§ Dataset excerpts
= = =
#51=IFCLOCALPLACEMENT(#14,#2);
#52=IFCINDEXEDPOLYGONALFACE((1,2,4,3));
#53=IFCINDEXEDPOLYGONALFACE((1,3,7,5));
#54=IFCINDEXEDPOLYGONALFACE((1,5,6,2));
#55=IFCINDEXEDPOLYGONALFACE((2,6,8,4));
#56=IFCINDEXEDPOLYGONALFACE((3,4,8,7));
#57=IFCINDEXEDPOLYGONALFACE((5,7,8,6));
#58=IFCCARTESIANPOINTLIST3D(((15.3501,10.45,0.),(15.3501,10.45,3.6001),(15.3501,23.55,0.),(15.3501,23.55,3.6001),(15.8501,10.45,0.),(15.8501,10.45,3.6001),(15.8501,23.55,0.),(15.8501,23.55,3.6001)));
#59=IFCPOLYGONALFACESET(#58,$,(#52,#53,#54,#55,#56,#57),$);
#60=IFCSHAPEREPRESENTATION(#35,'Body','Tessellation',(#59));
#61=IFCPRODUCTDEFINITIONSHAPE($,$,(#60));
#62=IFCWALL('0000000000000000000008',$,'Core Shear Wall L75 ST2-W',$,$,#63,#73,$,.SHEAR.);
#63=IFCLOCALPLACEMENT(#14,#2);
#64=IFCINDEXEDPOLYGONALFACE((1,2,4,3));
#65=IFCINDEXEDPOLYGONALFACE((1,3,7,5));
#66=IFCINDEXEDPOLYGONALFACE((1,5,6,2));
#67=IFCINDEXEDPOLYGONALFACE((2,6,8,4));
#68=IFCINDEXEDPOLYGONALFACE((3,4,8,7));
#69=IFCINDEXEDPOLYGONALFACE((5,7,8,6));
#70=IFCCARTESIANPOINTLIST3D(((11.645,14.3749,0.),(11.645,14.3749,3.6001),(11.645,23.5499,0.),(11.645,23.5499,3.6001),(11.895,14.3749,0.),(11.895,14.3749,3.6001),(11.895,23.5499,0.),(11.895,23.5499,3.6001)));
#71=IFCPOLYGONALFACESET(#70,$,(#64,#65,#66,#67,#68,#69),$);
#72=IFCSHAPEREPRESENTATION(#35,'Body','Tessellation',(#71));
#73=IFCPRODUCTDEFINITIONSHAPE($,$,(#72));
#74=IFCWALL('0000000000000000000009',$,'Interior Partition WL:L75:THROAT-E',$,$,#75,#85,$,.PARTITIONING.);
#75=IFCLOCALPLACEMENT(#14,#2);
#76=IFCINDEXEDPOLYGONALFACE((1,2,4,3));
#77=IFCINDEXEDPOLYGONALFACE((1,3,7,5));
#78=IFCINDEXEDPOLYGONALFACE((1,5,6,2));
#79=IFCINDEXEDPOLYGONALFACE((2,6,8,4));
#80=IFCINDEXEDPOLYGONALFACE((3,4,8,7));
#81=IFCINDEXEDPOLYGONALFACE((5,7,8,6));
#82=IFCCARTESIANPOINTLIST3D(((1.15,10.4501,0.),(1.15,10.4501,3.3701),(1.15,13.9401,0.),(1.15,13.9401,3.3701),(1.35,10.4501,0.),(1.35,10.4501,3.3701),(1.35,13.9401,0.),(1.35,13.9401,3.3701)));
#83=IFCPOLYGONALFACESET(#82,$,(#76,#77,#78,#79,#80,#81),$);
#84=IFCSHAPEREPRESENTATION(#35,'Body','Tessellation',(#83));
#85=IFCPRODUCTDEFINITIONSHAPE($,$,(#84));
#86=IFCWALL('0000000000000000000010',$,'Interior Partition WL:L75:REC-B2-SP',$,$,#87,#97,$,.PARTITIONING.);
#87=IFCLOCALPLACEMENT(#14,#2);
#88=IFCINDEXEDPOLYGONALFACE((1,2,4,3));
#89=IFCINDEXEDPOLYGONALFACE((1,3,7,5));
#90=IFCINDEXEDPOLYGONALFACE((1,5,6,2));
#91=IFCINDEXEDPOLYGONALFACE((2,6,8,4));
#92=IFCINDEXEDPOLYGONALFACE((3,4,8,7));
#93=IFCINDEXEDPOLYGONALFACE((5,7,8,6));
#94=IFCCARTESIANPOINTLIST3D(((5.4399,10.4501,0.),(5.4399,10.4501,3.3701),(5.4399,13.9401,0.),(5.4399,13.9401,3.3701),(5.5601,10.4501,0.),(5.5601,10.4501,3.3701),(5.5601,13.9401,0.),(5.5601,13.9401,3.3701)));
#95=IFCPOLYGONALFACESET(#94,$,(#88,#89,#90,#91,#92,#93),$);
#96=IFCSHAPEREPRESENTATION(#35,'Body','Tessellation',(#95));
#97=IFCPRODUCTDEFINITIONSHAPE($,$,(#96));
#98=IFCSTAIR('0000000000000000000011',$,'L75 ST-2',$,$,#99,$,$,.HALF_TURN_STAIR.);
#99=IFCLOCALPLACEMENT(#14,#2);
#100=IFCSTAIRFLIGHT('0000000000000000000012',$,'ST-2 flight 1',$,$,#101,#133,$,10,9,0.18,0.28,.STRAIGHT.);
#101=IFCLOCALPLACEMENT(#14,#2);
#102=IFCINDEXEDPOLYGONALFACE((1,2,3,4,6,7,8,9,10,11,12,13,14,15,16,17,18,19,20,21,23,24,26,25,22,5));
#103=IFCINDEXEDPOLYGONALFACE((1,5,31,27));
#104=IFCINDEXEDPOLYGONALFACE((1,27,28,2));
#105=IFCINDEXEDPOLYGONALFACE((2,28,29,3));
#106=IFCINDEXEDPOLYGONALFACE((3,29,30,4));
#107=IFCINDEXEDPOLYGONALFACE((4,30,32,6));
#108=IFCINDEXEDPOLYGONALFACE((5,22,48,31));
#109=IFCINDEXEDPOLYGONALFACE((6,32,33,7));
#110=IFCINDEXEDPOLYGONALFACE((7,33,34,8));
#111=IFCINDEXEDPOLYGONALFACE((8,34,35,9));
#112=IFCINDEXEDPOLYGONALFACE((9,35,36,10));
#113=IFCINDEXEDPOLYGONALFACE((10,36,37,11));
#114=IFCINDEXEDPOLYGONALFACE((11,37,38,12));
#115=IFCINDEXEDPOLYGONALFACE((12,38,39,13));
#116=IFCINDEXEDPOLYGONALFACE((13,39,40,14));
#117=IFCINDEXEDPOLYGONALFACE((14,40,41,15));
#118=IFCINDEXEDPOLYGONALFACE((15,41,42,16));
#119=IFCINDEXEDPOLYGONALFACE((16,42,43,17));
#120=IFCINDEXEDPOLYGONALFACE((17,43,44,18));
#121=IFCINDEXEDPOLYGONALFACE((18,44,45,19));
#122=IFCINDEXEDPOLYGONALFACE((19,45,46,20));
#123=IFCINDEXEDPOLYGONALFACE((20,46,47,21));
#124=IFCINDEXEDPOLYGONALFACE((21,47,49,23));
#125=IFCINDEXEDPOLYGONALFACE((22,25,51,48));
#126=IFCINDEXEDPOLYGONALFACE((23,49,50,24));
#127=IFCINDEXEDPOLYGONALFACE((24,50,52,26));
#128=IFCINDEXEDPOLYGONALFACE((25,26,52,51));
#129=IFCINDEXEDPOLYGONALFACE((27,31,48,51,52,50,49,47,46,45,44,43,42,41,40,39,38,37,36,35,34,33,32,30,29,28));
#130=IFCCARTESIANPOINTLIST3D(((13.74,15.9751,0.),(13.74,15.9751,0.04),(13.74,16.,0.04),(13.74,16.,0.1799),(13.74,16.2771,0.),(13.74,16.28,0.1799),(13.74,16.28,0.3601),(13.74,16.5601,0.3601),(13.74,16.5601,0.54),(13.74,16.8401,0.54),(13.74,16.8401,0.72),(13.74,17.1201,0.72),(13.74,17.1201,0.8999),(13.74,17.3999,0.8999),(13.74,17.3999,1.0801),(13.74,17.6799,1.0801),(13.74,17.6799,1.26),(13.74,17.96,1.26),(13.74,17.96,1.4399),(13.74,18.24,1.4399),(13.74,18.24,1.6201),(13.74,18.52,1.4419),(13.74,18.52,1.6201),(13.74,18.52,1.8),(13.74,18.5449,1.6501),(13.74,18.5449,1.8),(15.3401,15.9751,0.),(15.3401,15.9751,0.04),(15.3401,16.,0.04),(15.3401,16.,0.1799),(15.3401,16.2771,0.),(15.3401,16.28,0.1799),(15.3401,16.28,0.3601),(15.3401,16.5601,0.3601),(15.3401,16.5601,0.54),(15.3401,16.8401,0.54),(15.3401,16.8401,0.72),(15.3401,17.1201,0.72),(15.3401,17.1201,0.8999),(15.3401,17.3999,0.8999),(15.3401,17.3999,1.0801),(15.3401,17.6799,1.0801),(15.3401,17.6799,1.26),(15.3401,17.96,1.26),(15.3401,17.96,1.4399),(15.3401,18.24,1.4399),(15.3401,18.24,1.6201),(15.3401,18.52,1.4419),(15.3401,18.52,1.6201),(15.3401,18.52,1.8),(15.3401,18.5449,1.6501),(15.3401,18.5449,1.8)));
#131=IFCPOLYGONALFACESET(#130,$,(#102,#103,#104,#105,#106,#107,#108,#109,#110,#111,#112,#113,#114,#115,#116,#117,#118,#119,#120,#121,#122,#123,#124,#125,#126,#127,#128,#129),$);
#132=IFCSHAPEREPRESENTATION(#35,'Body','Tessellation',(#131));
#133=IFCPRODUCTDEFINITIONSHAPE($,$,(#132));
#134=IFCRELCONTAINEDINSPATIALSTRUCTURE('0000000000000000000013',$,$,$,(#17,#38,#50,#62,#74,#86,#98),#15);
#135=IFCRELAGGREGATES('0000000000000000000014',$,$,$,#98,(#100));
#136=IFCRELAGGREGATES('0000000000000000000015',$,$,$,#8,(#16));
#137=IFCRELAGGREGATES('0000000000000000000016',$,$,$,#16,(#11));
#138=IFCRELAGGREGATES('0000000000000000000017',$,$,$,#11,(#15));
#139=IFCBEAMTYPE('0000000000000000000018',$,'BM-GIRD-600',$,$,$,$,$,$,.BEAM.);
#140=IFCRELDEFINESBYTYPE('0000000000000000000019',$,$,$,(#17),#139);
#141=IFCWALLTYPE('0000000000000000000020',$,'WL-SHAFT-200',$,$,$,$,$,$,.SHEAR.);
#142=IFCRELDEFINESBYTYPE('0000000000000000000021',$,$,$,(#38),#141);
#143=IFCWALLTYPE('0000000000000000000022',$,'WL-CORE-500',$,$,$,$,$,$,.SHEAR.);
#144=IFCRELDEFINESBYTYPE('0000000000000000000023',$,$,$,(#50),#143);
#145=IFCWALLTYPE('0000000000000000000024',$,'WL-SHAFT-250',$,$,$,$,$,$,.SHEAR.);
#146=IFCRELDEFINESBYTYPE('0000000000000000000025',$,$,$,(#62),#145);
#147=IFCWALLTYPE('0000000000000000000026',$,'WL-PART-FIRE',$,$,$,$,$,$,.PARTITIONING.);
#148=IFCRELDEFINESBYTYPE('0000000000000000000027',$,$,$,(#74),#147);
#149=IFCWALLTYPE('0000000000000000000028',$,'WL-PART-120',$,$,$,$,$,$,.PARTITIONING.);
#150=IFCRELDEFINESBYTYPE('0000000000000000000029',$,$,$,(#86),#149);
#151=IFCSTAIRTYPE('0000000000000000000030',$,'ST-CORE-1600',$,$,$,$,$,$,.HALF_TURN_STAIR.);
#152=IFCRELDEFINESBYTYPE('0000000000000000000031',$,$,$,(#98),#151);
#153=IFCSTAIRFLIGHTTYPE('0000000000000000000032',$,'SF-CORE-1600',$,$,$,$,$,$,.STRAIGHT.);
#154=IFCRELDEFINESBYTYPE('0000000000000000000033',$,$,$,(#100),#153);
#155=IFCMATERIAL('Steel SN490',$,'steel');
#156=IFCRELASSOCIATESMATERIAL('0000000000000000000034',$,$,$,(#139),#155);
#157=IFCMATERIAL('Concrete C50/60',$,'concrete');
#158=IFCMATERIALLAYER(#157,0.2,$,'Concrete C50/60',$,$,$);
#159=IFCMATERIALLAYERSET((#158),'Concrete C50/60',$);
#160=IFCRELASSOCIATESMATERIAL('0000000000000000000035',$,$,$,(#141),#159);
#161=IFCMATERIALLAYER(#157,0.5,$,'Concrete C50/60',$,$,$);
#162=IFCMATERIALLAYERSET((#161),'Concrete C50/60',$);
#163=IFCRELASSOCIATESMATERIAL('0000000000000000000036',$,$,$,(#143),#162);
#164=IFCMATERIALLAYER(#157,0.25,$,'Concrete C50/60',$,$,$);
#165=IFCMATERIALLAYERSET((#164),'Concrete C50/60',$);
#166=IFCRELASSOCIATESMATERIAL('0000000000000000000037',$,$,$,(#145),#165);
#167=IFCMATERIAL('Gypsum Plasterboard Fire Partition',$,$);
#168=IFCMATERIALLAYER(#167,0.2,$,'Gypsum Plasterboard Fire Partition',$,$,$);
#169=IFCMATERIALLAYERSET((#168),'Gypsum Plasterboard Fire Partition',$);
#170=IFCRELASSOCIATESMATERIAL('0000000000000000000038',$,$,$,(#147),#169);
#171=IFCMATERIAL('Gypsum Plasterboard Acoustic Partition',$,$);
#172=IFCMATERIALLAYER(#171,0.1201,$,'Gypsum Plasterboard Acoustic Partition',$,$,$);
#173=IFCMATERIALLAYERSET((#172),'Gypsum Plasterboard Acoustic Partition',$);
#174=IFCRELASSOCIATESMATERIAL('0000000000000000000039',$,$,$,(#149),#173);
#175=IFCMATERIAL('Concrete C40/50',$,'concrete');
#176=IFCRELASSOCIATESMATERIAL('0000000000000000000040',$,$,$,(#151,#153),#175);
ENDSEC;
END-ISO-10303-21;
= = =
§ Task to complete
Only the lines above from the one with "#64=IFCINDEXEDPOLYGONALFACE((1,2,4,3));" through the one with "#97=IFCPRODUCTDEFINITIONSHAPE($,$,(#96));" should be duplicated, character for character.

§ Task answer
#64=IFCINDEXEDPOLYGONALFACE((1,2,4,3));
#65=IFCINDEXEDPOLYGONALFACE((1,3,7,5));
#66=IFCINDEXEDPOLYGONALFACE((1,5,6,2));
#67=IFCINDEXEDPOLYGONALFACE((2,6,8,4));
#68=IFCINDEXEDPOLYGONALFACE((3,4,8,7));
#69=IFCINDEXEDPOLYGONALFACE((5,7,8,6));
#70=IFCCARTESIANPOINTLIST3D(((11.645,14.3749,0.),(11.645,14.3749,3.6001),(11.645,23.5499,0.),(11.645,23.5499,3.6001),(11.895,14.3749,0.),(11.895,14.3749,3.6001),(11.895,23.5499,0.),(11.895,23.5499,3.6001)));
#71=IFCPOLYGONALFACESET(#70,$,(#64,#65,#66,#67,#68,#69),$);
#72=IFCSHAPEREPRESENTATION(#35,'Body','Tessellation',(#71));
#73=IFCPRODUCTDEFINITIONSHAPE($,$,(#72));
#74=IFCWALL('0000000000000000000009',$,'Interior Partition WL:L75:THROAT-E',$,$,#75,#85,$,.PARTITIONING.);
#75=IFCLOCALPLACEMENT(#14,#2);
#76=IFCINDEXEDPOLYGONALFACE((1,2,4,3));
#77=IFCINDEXEDPOLYGONALFACE((1,3,7,5));
#78=IFCINDEXEDPOLYGONALFACE((1,5,6,2));
#79=IFCINDEXEDPOLYGONALFACE((2,6,8,4));
#80=IFCINDEXEDPOLYGONALFACE((3,4,8,7));
#81=IFCINDEXEDPOLYGONALFACE((5,7,8,6));
#82=IFCCARTESIANPOINTLIST3D(((1.15,10.4501,0.),(1.15,10.4501,3.3701),(1.15,13.9401,0.),(1.15,13.9401,3.3701),(1.35,10.4501,0.),(1.35,10.4501,3.3701),(1.35,13.9401,0.),(1.35,13.9401,3.3701)));
#83=IFCPOLYGONALFACESET(#82,$,(#76,#77,#78,#79,#80,#81),$);
#84=IFCSHAPEREPRESENTATION(#35,'Body','Tessellation',(#83));
#85=IFCPRODUCTDEFINITIONSHAPE($,$,(#84));
#86=IFCWALL('0000000000000000000010',$,'Interior Partition WL:L75:REC-B2-SP',$,$,#87,#97,$,.PARTITIONING.);
#87=IFCLOCALPLACEMENT(#14,#2);
#88=IFCINDEXEDPOLYGONALFACE((1,2,4,3));
#89=IFCINDEXEDPOLYGONALFACE((1,3,7,5));
#90=IFCINDEXEDPOLYGONALFACE((1,5,6,2));
#91=IFCINDEXEDPOLYGONALFACE((2,6,8,4));
#92=IFCINDEXEDPOLYGONALFACE((3,4,8,7));
#93=IFCINDEXEDPOLYGONALFACE((5,7,8,6));
#94=IFCCARTESIANPOINTLIST3D(((5.4399,10.4501,0.),(5.4399,10.4501,3.3701),(5.4399,13.9401,0.),(5.4399,13.9401,3.3701),(5.5601,10.4501,0.),(5.5601,10.4501,3.3701),(5.5601,13.9401,0.),(5.5601,13.9401,3.3701)));
#95=IFCPOLYGONALFACESET(#94,$,(#88,#89,#90,#91,#92,#93),$);
#96=IFCSHAPEREPRESENTATION(#35,'Body','Tessellation',(#95));
#97=IFCPRODUCTDEFINITIONSHAPE($,$,(#96));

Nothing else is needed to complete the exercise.